Start of Data shown
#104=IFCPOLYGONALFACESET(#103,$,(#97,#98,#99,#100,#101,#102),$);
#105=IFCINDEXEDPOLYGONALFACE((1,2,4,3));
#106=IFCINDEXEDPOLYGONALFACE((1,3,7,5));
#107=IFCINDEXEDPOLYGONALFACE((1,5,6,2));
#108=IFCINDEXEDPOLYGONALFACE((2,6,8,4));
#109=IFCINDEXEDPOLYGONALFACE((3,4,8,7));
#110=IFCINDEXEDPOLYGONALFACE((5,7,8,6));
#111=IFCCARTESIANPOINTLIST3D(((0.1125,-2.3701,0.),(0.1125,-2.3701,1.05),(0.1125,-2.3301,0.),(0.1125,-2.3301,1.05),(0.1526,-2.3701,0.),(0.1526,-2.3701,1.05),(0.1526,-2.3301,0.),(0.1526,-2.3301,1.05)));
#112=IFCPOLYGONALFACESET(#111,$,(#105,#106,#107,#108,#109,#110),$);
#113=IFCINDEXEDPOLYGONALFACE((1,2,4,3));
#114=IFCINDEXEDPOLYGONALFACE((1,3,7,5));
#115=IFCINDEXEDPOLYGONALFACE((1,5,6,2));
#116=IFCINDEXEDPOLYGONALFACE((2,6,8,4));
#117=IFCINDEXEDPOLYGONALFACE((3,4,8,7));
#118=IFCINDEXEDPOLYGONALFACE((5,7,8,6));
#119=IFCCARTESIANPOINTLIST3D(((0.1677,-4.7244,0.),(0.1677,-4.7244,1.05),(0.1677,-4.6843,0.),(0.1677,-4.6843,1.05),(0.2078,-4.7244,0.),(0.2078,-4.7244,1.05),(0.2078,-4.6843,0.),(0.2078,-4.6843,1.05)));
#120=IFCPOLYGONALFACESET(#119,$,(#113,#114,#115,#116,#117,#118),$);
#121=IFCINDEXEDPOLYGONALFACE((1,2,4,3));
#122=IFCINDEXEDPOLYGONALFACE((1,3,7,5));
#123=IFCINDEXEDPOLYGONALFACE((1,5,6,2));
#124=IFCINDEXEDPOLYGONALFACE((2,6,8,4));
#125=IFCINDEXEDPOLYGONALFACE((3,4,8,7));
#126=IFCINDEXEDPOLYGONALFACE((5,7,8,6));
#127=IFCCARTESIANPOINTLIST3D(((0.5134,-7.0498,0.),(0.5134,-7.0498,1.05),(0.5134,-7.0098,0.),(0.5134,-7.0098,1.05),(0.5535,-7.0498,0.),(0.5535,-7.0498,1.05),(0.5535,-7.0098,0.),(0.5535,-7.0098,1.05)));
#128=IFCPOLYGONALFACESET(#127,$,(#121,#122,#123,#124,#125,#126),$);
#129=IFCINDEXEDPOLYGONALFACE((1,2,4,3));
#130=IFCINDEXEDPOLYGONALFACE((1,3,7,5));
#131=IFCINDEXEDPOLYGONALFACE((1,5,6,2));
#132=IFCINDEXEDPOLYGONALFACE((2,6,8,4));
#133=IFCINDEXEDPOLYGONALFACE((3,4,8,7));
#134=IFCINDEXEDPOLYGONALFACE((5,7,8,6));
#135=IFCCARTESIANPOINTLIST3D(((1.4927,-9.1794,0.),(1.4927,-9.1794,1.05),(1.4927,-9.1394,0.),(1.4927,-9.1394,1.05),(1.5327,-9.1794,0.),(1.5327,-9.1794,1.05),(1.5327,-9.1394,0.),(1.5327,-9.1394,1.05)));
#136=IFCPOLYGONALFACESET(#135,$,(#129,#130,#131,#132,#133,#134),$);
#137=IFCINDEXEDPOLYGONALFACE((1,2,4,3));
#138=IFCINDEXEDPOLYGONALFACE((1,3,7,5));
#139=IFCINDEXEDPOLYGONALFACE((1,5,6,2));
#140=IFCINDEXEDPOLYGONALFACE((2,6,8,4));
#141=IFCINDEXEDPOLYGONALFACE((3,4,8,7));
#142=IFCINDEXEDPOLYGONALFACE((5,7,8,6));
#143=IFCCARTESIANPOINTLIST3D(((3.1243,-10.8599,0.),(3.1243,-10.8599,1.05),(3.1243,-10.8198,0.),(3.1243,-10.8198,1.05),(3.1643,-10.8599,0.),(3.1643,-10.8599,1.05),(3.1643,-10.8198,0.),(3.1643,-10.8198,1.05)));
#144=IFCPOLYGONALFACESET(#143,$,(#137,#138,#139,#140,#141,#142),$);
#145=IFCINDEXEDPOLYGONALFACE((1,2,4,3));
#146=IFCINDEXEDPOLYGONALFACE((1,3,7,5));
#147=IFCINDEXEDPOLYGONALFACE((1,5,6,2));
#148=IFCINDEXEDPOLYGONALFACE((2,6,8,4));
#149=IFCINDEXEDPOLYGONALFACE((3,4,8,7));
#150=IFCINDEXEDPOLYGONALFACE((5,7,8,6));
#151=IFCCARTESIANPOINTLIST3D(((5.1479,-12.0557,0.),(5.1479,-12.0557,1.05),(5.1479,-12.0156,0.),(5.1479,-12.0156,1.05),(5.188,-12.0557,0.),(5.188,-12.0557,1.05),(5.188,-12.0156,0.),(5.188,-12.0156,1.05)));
End of Data shown
### Exercise goal
Your task is to reproduce all the data exactly as shown.

### Problem solution
#104=IFCPOLYGONALFACESET(#103,$,(#97,#98,#99,#100,#101,#102),$);
#105=IFCINDEXEDPOLYGONALFACE((1,2,4,3));
#106=IFCINDEXEDPOLYGONALFACE((1,3,7,5));
#107=IFCINDEXEDPOLYGONALFACE((1,5,6,2));
#108=IFCINDEXEDPOLYGONALFACE((2,6,8,4));
#109=IFCINDEXEDPOLYGONALFACE((3,4,8,7));
#110=IFCINDEXEDPOLYGONALFACE((5,7,8,6));
#111=IFCCARTESIANPOINTLIST3D(((0.1125,-2.3701,0.),(0.1125,-2.3701,1.05),(0.1125,-2.3301,0.),(0.1125,-2.3301,1.05),(0.1526,-2.3701,0.),(0.1526,-2.3701,1.05),(0.1526,-2.3301,0.),(0.1526,-2.3301,1.05)));
#112=IFCPOLYGONALFACESET(#111,$,(#105,#106,#107,#108,#109,#110),$);
#113=IFCINDEXEDPOLYGONALFACE((1,2,4,3));
#114=IFCINDEXEDPOLYGONALFACE((1,3,7,5));
#115=IFCINDEXEDPOLYGONALFACE((1,5,6,2));
#116=IFCINDEXEDPOLYGONALFACE((2,6,8,4));
#117=IFCINDEXEDPOLYGONALFACE((3,4,8,7));
#118=IFCINDEXEDPOLYGONALFACE((5,7,8,6));
#119=IFCCARTESIANPOINTLIST3D(((0.1677,-4.7244,0.),(0.1677,-4.7244,1.05),(0.1677,-4.6843,0.),(0.1677,-4.6843,1.05),(0.2078,-4.7244,0.),(0.2078,-4.7244,1.05),(0.2078,-4.6843,0.),(0.2078,-4.6843,1.05)));
#120=IFCPOLYGONALFACESET(#119,$,(#113,#114,#115,#116,#117,#118),$);
#121=IFCINDEXEDPOLYGONALFACE((1,2,4,3));
#122=IFCINDEXEDPOLYGONALFACE((1,3,7,5));
#123=IFCINDEXEDPOLYGONALFACE((1,5,6,2));
#124=IFCINDEXEDPOLYGONALFACE((2,6,8,4));
#125=IFCINDEXEDPOLYGONALFACE((3,4,8,7));
#126=IFCINDEXEDPOLYGONALFACE((5,7,8,6));
#127=IFCCARTESIANPOINTLIST3D(((0.5134,-7.0498,0.),(0.5134,-7.0498,1.05),(0.5134,-7.0098,0.),(0.5134,-7.0098,1.05),(0.5535,-7.0498,0.),(0.5535,-7.0498,1.05),(0.5535,-7.0098,0.),(0.5535,-7.0098,1.05)));
#128=IFCPOLYGONALFACESET(#127,$,(#121,#122,#123,#124,#125,#126),$);
#129=IFCINDEXEDPOLYGONALFACE((1,2,4,3));
#130=IFCINDEXEDPOLYGONALFACE((1,3,7,5));
#131=IFCINDEXEDPOLYGONALFACE((1,5,6,2));
#132=IFCINDEXEDPOLYGONALFACE((2,6,8,4));
#133=IFCINDEXEDPOLYGONALFACE((3,4,8,7));
#134=IFCINDEXEDPOLYGONALFACE((5,7,8,6));
#135=IFCCARTESIANPOINTLIST3D(((1.4927,-9.1794,0.),(1.4927,-9.1794,1.05),(1.4927,-9.1394,0.),(1.4927,-9.1394,1.05),(1.5327,-9.1794,0.),(1.5327,-9.1794,1.05),(1.5327,-9.1394,0.),(1.5327,-9.1394,1.05)));
#136=IFCPOLYGONALFACESET(#135,$,(#129,#130,#131,#132,#133,#134),$);
#137=IFCINDEXEDPOLYGONALFACE((1,2,4,3));
#138=IFCINDEXEDPOLYGONALFACE((1,3,7,5));
#139=IFCINDEXEDPOLYGONALFACE((1,5,6,2));
#140=IFCINDEXEDPOLYGONALFACE((2,6,8,4));
#141=IFCINDEXEDPOLYGONALFACE((3,4,8,7));
#142=IFCINDEXEDPOLYGONALFACE((5,7,8,6));
#143=IFCCARTESIANPOINTLIST3D(((3.1243,-10.8599,0.),(3.1243,-10.8599,1.05),(3.1243,-10.8198,0.),(3.1243,-10.8198,1.05),(3.1643,-10.8599,0.),(3.1643,-10.8599,1.05),(3.1643,-10.8198,0.),(3.1643,-10.8198,1.05)));
#144=IFCPOLYGONALFACESET(#143,$,(#137,#138,#139,#140,#141,#142),$);
#145=IFCINDEXEDPOLYGONALFACE((1,2,4,3));
#146=IFCINDEXEDPOLYGONALFACE((1,3,7,5));
#147=IFCINDEXEDPOLYGONALFACE((1,5,6,2));
#148=IFCINDEXEDPOLYGONALFACE((2,6,8,4));
#149=IFCINDEXEDPOLYGONALFACE((3,4,8,7));
#150=IFCINDEXEDPOLYGONALFACE((5,7,8,6));
#151=IFCCARTESIANPOINTLIST3D(((5.1479,-12.0557,0.),(5.1479,-12.0557,1.05),(5.1479,-12.0156,0.),(5.1479,-12.0156,1.05),(5.188,-12.0557,0.),(5.188,-12.0557,1.05),(5.188,-12.0156,0.),(5.188,-12.0156,1.05)));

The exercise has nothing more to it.